**EXERCISE:** Stop after the line with "CAP PLATE 30',$,$,$,$,$,'STIFFENER_PLATE',.USERDEFINED.);"; until then, please copy every line of the records word for word from the first.

**LISTED ENTRIES:**
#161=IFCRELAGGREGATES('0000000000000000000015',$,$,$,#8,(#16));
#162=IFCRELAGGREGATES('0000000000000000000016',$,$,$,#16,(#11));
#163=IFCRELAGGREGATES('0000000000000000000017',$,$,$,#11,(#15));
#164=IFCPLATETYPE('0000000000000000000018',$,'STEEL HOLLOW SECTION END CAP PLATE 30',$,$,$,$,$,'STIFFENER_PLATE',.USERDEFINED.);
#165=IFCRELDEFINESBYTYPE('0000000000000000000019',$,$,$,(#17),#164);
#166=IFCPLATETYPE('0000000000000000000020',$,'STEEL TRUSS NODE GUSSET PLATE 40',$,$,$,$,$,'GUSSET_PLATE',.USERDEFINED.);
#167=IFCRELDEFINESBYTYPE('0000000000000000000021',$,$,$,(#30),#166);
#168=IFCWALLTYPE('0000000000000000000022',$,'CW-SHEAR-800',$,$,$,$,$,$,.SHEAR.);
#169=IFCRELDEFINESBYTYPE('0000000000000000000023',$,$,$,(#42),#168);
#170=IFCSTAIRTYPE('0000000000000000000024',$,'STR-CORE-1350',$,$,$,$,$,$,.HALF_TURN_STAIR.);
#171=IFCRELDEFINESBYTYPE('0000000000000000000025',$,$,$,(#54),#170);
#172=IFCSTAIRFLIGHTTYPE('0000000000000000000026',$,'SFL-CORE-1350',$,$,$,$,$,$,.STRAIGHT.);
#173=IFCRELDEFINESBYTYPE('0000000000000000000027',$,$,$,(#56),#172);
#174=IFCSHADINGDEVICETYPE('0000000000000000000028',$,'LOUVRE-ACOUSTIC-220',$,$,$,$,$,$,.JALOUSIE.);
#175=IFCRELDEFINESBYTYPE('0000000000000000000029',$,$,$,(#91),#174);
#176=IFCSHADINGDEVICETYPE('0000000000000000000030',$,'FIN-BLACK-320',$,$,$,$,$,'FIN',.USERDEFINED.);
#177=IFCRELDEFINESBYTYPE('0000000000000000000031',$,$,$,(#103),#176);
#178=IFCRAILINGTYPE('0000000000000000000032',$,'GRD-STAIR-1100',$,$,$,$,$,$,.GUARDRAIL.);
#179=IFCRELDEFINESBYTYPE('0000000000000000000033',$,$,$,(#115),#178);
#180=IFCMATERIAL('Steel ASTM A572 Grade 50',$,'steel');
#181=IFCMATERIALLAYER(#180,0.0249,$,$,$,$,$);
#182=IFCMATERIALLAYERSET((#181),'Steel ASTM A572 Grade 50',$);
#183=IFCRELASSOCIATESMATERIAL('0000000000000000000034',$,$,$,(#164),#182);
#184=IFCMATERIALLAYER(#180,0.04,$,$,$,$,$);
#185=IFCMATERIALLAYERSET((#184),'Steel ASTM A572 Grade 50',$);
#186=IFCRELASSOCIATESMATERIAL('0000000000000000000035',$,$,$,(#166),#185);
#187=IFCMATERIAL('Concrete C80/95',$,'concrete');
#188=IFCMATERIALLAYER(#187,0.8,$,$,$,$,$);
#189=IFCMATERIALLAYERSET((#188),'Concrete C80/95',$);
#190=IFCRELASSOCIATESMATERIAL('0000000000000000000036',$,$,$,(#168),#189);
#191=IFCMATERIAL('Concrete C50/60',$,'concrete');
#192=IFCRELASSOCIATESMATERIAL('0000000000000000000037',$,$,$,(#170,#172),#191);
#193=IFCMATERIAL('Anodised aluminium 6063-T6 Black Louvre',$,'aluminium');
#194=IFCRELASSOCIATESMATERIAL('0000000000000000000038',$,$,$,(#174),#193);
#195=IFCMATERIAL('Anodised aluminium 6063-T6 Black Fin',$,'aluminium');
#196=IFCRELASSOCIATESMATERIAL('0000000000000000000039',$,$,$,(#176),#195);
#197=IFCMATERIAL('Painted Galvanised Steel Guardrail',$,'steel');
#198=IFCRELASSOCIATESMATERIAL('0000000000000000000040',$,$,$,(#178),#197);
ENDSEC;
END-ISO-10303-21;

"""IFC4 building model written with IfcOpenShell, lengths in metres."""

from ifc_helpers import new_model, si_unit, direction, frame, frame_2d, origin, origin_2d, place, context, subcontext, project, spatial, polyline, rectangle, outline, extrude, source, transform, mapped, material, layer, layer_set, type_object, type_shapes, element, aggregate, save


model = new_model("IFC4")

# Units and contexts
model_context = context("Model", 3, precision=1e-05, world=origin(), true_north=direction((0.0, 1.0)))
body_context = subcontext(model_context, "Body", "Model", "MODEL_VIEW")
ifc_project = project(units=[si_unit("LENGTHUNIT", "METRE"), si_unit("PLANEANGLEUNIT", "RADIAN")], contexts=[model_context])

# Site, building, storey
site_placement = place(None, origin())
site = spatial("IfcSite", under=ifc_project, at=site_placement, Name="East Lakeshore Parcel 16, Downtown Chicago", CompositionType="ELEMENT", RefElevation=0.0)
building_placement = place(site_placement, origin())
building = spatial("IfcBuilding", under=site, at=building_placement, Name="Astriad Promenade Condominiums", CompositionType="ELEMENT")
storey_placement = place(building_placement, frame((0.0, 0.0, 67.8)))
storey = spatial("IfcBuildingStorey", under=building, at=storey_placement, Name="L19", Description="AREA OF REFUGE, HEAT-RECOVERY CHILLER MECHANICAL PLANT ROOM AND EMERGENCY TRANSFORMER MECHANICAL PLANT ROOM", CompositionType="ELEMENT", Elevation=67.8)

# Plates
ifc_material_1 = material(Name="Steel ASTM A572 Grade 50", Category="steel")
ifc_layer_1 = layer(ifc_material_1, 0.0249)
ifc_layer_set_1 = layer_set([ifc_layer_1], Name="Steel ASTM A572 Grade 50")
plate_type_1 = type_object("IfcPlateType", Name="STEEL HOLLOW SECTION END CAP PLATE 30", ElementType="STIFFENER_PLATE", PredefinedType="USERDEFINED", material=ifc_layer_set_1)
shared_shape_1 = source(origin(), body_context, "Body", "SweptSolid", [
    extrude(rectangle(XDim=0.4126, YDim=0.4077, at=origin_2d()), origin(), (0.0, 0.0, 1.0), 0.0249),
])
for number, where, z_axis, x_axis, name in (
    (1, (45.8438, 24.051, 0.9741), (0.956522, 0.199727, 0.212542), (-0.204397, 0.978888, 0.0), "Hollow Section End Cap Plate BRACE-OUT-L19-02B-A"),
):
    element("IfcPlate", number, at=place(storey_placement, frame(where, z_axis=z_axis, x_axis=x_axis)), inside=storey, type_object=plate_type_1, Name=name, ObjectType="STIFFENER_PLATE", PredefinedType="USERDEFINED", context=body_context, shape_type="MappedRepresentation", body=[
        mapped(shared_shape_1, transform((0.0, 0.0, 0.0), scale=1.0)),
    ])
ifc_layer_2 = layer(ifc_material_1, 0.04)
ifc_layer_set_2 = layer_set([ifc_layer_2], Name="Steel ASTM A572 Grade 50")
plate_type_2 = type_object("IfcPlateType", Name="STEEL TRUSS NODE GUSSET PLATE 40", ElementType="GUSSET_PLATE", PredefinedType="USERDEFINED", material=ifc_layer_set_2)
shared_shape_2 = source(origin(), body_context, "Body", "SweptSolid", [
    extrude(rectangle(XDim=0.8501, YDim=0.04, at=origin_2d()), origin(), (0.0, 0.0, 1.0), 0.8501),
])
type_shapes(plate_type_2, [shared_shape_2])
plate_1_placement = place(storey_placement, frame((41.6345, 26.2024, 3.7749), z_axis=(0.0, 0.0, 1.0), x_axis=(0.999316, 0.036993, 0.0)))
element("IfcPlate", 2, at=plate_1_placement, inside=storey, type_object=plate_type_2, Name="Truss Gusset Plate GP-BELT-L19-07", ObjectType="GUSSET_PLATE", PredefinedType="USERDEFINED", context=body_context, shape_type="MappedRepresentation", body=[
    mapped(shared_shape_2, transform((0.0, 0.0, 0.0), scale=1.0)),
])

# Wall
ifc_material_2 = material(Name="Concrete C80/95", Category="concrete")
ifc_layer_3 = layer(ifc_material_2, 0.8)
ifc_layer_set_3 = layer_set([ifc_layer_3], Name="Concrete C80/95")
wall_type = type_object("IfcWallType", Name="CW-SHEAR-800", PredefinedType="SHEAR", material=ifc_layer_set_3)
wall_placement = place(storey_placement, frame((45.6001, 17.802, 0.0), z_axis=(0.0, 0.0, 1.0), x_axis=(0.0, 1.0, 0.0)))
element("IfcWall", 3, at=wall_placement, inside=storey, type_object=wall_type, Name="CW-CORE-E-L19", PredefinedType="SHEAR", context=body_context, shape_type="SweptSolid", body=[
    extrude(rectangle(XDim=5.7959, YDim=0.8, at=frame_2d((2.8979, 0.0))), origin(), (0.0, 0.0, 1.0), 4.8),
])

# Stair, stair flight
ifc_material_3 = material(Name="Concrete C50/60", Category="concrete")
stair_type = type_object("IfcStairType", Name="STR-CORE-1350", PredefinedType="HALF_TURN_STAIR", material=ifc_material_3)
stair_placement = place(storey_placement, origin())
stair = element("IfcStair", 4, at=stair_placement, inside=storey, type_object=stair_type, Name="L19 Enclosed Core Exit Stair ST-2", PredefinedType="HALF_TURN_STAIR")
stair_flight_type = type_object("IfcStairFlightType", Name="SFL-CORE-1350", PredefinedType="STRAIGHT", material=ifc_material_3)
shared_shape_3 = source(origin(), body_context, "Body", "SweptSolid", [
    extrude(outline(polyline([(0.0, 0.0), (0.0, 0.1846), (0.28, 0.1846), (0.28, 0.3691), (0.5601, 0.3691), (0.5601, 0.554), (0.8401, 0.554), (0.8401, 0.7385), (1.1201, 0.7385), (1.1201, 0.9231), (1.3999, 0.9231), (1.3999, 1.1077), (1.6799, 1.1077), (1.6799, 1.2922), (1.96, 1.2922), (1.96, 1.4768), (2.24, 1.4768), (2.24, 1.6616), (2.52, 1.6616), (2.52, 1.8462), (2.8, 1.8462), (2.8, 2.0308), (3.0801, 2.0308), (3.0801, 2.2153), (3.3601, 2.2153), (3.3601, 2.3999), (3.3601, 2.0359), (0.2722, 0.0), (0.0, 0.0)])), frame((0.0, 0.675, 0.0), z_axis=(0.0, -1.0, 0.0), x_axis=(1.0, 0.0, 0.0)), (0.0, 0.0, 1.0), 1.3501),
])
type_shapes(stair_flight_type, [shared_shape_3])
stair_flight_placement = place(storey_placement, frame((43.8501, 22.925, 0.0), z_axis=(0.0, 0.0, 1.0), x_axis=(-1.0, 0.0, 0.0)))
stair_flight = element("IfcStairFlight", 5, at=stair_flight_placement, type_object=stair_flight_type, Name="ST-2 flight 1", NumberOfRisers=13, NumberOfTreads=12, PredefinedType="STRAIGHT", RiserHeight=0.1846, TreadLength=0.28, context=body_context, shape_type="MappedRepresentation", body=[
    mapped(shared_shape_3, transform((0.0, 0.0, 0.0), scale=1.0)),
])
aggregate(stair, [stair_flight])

**PROBLEM SOLUTION:**
#161=IFCRELAGGREGATES('0000000000000000000015',$,$,$,#8,(#16));
#162=IFCRELAGGREGATES('0000000000000000000016',$,$,$,#16,(#11));
#163=IFCRELAGGREGATES('0000000000000000000017',$,$,$,#11,(#15));
#164=IFCPLATETYPE('0000000000000000000018',$,'STEEL HOLLOW SECTION END CAP PLATE 30',$,$,$,$,$,'STIFFENER_PLATE',.USERDEFINED.);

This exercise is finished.